+++ Records for this task +++

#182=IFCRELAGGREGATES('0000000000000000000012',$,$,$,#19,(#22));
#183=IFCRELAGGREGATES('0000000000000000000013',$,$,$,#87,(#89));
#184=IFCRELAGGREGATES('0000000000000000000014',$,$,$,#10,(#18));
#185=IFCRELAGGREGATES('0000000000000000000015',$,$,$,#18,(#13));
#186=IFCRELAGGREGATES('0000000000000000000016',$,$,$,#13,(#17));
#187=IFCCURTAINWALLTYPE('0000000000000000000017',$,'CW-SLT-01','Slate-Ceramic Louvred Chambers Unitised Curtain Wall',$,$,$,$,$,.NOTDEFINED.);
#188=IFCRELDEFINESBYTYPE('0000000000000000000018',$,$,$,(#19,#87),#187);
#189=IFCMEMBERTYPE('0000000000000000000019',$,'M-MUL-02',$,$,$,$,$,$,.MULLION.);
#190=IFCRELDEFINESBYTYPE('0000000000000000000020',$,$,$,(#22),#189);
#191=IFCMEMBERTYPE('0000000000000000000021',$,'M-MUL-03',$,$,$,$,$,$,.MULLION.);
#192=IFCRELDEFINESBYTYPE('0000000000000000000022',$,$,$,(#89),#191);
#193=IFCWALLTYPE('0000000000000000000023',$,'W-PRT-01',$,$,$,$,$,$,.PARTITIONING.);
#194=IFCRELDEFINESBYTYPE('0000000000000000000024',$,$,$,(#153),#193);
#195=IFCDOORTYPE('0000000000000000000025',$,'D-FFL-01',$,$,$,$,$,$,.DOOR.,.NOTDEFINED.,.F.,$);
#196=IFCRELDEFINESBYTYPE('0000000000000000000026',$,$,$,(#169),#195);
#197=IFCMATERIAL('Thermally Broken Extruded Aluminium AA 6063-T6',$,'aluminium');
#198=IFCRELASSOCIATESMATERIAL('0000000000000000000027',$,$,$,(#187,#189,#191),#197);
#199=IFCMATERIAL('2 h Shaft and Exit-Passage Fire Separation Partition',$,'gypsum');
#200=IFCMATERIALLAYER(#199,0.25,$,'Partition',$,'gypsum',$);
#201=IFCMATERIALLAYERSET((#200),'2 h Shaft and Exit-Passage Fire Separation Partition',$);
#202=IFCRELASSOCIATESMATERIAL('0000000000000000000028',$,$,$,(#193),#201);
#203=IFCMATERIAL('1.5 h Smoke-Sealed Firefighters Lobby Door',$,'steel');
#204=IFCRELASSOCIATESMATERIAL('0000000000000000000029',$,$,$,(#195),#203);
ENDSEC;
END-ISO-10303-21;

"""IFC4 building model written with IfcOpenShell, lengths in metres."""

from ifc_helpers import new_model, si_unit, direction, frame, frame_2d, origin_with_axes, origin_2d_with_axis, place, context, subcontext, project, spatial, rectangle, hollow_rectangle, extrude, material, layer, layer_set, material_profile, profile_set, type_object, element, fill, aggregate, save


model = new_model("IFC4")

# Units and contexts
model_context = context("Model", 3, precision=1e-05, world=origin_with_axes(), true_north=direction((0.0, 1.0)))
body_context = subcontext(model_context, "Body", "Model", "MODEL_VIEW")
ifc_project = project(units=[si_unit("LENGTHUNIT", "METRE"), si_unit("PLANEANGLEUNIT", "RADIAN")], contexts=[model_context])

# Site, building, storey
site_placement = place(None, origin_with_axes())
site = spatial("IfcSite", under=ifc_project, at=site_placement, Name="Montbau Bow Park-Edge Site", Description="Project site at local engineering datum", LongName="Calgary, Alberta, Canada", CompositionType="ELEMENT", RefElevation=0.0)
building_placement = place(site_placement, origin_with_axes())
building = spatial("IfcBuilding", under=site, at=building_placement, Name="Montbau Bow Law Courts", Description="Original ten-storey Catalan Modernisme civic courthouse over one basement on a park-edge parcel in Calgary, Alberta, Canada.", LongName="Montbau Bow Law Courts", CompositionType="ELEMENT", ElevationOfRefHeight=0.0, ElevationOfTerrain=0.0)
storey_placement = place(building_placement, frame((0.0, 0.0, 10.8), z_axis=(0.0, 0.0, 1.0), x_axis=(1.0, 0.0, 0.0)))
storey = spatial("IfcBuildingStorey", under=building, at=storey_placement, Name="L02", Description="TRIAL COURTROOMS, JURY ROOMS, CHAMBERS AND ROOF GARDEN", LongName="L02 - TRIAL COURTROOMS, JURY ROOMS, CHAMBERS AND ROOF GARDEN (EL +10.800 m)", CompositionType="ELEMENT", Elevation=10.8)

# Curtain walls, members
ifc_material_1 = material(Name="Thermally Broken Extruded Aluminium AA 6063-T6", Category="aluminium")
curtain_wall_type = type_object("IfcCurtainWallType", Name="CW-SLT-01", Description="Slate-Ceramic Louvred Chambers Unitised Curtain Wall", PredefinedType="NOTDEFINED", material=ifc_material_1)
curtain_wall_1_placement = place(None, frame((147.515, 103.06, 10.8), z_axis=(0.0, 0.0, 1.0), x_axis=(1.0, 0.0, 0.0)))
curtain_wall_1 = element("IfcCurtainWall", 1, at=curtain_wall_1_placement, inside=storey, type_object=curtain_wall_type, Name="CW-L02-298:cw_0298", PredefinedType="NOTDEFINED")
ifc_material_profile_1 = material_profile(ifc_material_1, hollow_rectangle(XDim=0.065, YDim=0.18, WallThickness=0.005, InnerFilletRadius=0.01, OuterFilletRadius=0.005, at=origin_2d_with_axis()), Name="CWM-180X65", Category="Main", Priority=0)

+++

Reproduce all of the data. Leave every line unchanged.

#182=IFCRELAGGREGATES('0000000000000000000012',$,$,$,#19,(#22));
#183=IFCRELAGGREGATES('0000000000000000000013',$,$,$,#87,(#89));
#184=IFCRELAGGREGATES('0000000000000000000014',$,$,$,#10,(#18));
#185=IFCRELAGGREGATES('0000000000000000000015',$,$,$,#18,(#13));
#186=IFCRELAGGREGATES('0000000000000000000016',$,$,$,#13,(#17));
#187=IFCCURTAINWALLTYPE('0000000000000000000017',$,'CW-SLT-01','Slate-Ceramic Louvred Chambers Unitised Curtain Wall',$,$,$,$,$,.NOTDEFINED.);
#188=IFCRELDEFINESBYTYPE('0000000000000000000018',$,$,$,(#19,#87),#187);
#189=IFCMEMBERTYPE('0000000000000000000019',$,'M-MUL-02',$,$,$,$,$,$,.MULLION.);
#190=IFCRELDEFINESBYTYPE('0000000000000000000020',$,$,$,(#22),#189);
#191=IFCMEMBERTYPE('0000000000000000000021',$,'M-MUL-03',$,$,$,$,$,$,.MULLION.);
#192=IFCRELDEFINESBYTYPE('0000000000000000000022',$,$,$,(#89),#191);
#193=IFCWALLTYPE('0000000000000000000023',$,'W-PRT-01',$,$,$,$,$,$,.PARTITIONING.);
#194=IFCRELDEFINESBYTYPE('0000000000000000000024',$,$,$,(#153),#193);
#195=IFCDOORTYPE('0000000000000000000025',$,'D-FFL-01',$,$,$,$,$,$,.DOOR.,.NOTDEFINED.,.F.,$);
#196=IFCRELDEFINESBYTYPE('0000000000000000000026',$,$,$,(#169),#195);
#197=IFCMATERIAL('Thermally Broken Extruded Aluminium AA 6063-T6',$,'aluminium');
#198=IFCRELASSOCIATESMATERIAL('0000000000000000000027',$,$,$,(#187,#189,#191),#197);
#199=IFCMATERIAL('2 h Shaft and Exit-Passage Fire Separation Partition',$,'gypsum');
#200=IFCMATERIALLAYER(#199,0.25,$,'Partition',$,'gypsum',$);
#201=IFCMATERIALLAYERSET((#200),'2 h Shaft and Exit-Passage Fire Separation Partition',$);
#202=IFCRELASSOCIATESMATERIAL('0000000000000000000028',$,$,$,(#193),#201);
#203=IFCMATERIAL('1.5 h Smoke-Sealed Firefighters Lobby Door',$,'steel');
#204=IFCRELASSOCIATESMATERIAL('0000000000000000000029',$,$,$,(#195),#203);
ENDSEC;
END-ISO-10303-21;

"""IFC4 building model written with IfcOpenShell, lengths in metres."""

from ifc_helpers import new_model, si_unit, direction, frame, frame_2d, origin_with_axes, origin_2d_with_axis, place, context, subcontext, project, spatial, rectangle, hollow_rectangle, extrude, material, layer, layer_set, material_profile, profile_set, type_object, element, fill, aggregate, save


model = new_model("IFC4")

# Units and contexts
model_context = context("Model", 3, precision=1e-05, world=origin_with_axes(), true_north=direction((0.0, 1.0)))
body_context = subcontext(model_context, "Body", "Model", "MODEL_VIEW")
ifc_project = project(units=[si_unit("LENGTHUNIT", "METRE"), si_unit("PLANEANGLEUNIT", "RADIAN")], contexts=[model_context])

# Site, building, storey
site_placement = place(None, origin_with_axes())
site = spatial("IfcSite", under=ifc_project, at=site_placement, Name="Montbau Bow Park-Edge Site", Description="Project site at local engineering datum", LongName="Calgary, Alberta, Canada", CompositionType="ELEMENT", RefElevation=0.0)
building_placement = place(site_placement, origin_with_axes())
building = spatial("IfcBuilding", under=site, at=building_placement, Name="Montbau Bow Law Courts", Description="Original ten-storey Catalan Modernisme civic courthouse over one basement on a park-edge parcel in Calgary, Alberta, Canada.", LongName="Montbau Bow Law Courts", CompositionType="ELEMENT", ElevationOfRefHeight=0.0, ElevationOfTerrain=0.0)
storey_placement = place(building_placement, frame((0.0, 0.0, 10.8), z_axis=(0.0, 0.0, 1.0), x_axis=(1.0, 0.0, 0.0)))
storey = spatial("IfcBuildingStorey", under=building, at=storey_placement, Name="L02", Description="TRIAL COURTROOMS, JURY ROOMS, CHAMBERS AND ROOF GARDEN", LongName="L02 - TRIAL COURTROOMS, JURY ROOMS, CHAMBERS AND ROOF GARDEN (EL +10.800 m)", CompositionType="ELEMENT", Elevation=10.8)

# Curtain walls, members
ifc_material_1 = material(Name="Thermally Broken Extruded Aluminium AA 6063-T6", Category="aluminium")
curtain_wall_type = type_object("IfcCurtainWallType", Name="CW-SLT-01", Description="Slate-Ceramic Louvred Chambers Unitised Curtain Wall", PredefinedType="NOTDEFINED", material=ifc_material_1)
curtain_wall_1_placement = place(None, frame((147.515, 103.06, 10.8), z_axis=(0.0, 0.0, 1.0), x_axis=(1.0, 0.0, 0.0)))
curtain_wall_1 = element("IfcCurtainWall", 1, at=curtain_wall_1_placement, inside=storey, type_object=curtain_wall_type, Name="CW-L02-298:cw_0298", PredefinedType="NOTDEFINED")
ifc_material_profile_1 = material_profile(ifc_material_1, hollow_rectangle(XDim=0.065, YDim=0.18, WallThickness=0.005, InnerFilletRadius=0.01, OuterFilletRadius=0.005, at=origin_2d_with_axis()), Name="CWM-180X65", Category="Main", Priority=0)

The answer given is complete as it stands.